- Your task: Below are lines of data, and only some are wanted. Please repeat exactly those from the line that has "#130=IFCINDEXEDPOLYGONALFACE((1,2,4,3));" through the line that has "#135=IFCINDEXEDPOLYGONALFACE((5,7,8,6));".

━━ Source material

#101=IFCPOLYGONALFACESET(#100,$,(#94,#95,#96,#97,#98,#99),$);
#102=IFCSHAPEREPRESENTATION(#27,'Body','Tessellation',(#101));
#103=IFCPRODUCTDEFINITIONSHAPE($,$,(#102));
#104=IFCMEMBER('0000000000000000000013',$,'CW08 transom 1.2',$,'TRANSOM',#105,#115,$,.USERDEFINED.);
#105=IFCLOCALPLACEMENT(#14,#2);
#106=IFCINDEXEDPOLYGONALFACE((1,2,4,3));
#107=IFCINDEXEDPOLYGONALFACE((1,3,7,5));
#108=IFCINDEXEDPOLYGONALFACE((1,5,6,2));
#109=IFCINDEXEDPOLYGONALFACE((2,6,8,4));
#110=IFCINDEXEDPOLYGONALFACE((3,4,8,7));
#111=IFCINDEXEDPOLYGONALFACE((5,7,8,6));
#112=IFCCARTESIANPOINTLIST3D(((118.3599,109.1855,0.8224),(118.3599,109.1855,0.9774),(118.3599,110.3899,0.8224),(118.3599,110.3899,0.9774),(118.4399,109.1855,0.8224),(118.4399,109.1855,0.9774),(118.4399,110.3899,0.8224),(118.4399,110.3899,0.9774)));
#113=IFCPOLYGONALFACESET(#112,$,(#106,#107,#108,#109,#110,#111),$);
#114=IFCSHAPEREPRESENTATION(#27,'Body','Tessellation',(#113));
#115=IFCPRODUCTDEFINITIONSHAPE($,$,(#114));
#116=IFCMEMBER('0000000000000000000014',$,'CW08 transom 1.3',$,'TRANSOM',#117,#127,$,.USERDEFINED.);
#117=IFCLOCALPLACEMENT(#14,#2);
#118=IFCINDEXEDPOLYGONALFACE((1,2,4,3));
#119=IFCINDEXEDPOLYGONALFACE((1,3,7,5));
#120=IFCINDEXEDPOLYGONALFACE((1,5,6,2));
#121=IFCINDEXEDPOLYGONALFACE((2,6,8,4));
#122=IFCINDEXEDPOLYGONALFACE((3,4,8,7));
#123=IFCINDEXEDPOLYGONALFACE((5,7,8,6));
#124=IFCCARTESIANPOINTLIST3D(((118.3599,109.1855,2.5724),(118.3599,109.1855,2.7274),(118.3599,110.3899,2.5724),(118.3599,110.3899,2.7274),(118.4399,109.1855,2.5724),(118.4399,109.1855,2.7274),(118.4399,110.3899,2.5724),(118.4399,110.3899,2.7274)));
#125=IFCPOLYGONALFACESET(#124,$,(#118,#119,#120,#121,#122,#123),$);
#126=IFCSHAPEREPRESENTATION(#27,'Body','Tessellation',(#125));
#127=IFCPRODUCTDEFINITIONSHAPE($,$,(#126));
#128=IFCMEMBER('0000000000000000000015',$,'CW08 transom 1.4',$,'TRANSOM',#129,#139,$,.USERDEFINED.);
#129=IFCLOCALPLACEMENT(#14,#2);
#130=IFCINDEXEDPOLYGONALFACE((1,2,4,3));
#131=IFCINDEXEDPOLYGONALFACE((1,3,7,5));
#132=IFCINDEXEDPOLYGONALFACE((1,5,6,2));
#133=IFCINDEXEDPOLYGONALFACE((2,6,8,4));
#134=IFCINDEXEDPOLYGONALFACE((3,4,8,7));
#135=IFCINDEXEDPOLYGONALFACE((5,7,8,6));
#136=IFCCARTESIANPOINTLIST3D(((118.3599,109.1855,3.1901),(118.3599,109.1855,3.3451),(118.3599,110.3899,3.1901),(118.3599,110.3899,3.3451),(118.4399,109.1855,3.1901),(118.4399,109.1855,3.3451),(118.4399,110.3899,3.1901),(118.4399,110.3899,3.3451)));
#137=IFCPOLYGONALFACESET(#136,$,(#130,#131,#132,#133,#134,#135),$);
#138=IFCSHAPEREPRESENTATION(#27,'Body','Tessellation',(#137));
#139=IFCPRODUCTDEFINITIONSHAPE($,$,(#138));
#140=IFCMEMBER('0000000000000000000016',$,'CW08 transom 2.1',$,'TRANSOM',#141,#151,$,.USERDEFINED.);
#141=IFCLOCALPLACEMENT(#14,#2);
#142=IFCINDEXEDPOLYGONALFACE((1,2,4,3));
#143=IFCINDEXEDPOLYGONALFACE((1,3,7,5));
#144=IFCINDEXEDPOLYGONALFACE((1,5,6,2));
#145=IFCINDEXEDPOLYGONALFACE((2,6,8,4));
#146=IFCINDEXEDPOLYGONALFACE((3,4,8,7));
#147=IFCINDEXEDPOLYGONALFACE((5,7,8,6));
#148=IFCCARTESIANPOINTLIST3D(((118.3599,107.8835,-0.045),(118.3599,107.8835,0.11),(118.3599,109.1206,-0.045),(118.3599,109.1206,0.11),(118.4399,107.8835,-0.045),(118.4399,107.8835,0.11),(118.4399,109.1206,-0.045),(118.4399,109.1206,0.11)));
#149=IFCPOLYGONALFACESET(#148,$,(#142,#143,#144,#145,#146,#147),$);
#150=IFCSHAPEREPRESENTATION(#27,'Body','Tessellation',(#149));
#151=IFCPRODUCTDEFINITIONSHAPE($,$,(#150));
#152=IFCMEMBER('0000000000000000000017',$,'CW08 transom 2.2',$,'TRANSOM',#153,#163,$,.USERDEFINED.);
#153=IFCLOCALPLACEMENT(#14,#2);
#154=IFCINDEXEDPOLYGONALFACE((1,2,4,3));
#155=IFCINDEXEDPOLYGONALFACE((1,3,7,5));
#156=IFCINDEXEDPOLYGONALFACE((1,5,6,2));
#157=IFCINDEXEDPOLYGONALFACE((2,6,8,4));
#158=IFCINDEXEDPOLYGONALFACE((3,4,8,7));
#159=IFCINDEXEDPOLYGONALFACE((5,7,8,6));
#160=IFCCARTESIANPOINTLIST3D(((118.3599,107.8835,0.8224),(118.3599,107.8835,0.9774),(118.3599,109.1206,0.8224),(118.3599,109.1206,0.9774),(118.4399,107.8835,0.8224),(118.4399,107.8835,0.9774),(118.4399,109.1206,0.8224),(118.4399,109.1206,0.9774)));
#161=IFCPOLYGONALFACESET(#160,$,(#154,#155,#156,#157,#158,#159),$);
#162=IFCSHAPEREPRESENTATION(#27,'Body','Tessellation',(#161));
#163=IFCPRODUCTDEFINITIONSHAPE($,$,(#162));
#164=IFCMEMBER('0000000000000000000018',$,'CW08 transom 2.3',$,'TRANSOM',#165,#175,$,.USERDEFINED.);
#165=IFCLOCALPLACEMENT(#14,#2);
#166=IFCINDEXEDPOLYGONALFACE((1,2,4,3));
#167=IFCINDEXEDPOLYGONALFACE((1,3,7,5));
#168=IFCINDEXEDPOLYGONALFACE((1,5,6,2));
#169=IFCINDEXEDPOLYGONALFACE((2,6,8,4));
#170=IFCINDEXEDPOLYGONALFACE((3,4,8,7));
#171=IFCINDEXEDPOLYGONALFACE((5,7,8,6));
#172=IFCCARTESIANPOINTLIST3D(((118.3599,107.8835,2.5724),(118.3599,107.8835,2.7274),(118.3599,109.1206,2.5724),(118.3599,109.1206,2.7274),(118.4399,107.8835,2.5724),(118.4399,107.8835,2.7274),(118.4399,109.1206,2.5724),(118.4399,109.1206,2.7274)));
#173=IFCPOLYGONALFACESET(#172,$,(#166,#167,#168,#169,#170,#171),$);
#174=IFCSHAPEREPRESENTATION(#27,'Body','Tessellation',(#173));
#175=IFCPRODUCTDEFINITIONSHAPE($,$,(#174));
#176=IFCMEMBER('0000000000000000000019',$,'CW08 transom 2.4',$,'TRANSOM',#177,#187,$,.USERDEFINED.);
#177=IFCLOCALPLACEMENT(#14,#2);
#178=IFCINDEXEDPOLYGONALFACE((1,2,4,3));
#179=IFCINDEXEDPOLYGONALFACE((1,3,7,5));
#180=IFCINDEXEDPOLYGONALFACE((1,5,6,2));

━━━━
━━ Source material

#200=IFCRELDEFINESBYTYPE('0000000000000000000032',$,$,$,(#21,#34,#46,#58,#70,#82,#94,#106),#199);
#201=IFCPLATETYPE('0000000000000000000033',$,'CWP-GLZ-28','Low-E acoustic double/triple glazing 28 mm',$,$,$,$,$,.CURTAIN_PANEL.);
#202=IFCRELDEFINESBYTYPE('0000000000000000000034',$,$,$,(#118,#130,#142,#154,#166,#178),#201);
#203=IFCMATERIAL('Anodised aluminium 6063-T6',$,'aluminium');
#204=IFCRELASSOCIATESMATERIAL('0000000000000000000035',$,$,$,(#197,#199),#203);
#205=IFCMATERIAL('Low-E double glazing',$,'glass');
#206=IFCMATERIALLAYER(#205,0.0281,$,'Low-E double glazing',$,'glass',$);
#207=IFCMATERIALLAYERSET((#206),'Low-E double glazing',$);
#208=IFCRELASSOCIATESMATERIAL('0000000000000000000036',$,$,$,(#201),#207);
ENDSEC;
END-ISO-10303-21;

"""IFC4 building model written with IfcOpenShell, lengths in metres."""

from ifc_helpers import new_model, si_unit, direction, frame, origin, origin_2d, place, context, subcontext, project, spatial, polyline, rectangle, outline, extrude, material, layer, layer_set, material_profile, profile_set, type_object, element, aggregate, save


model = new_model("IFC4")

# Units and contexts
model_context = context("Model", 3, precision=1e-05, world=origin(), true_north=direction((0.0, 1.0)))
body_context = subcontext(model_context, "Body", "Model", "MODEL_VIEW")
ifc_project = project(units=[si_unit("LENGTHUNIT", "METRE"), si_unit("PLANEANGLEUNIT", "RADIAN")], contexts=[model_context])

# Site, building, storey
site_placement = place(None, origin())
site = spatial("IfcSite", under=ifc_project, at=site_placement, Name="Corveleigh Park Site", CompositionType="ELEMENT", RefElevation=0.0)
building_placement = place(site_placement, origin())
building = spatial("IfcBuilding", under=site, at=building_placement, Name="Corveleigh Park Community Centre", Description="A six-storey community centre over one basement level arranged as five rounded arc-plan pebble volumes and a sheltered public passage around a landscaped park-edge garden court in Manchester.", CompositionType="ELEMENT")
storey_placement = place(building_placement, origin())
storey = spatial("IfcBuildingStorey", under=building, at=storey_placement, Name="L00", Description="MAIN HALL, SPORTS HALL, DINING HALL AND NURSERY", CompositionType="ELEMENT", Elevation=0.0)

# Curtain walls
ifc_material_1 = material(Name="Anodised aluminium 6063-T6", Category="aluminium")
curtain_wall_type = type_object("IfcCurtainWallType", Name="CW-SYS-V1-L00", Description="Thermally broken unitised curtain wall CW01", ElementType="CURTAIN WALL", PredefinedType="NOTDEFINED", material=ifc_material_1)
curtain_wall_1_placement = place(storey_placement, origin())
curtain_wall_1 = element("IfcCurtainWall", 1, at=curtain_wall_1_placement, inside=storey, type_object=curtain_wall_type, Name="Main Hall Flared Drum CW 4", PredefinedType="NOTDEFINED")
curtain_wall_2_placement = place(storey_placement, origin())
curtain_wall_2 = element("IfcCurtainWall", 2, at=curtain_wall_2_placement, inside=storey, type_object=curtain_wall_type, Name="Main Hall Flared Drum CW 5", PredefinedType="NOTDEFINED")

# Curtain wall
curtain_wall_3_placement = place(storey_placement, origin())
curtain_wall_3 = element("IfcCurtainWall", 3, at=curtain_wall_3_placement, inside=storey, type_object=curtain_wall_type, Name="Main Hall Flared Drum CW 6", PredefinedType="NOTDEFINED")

━━━━

- Response area:
#130=IFCINDEXEDPOLYGONALFACE((1,2,4,3));
#131=IFCINDEXEDPOLYGONALFACE((1,3,7,5));
#132=IFCINDEXEDPOLYGONALFACE((1,5,6,2));
#133=IFCINDEXEDPOLYGONALFACE((2,6,8,4));
#134=IFCINDEXEDPOLYGONALFACE((3,4,8,7));
#135=IFCINDEXEDPOLYGONALFACE((5,7,8,6));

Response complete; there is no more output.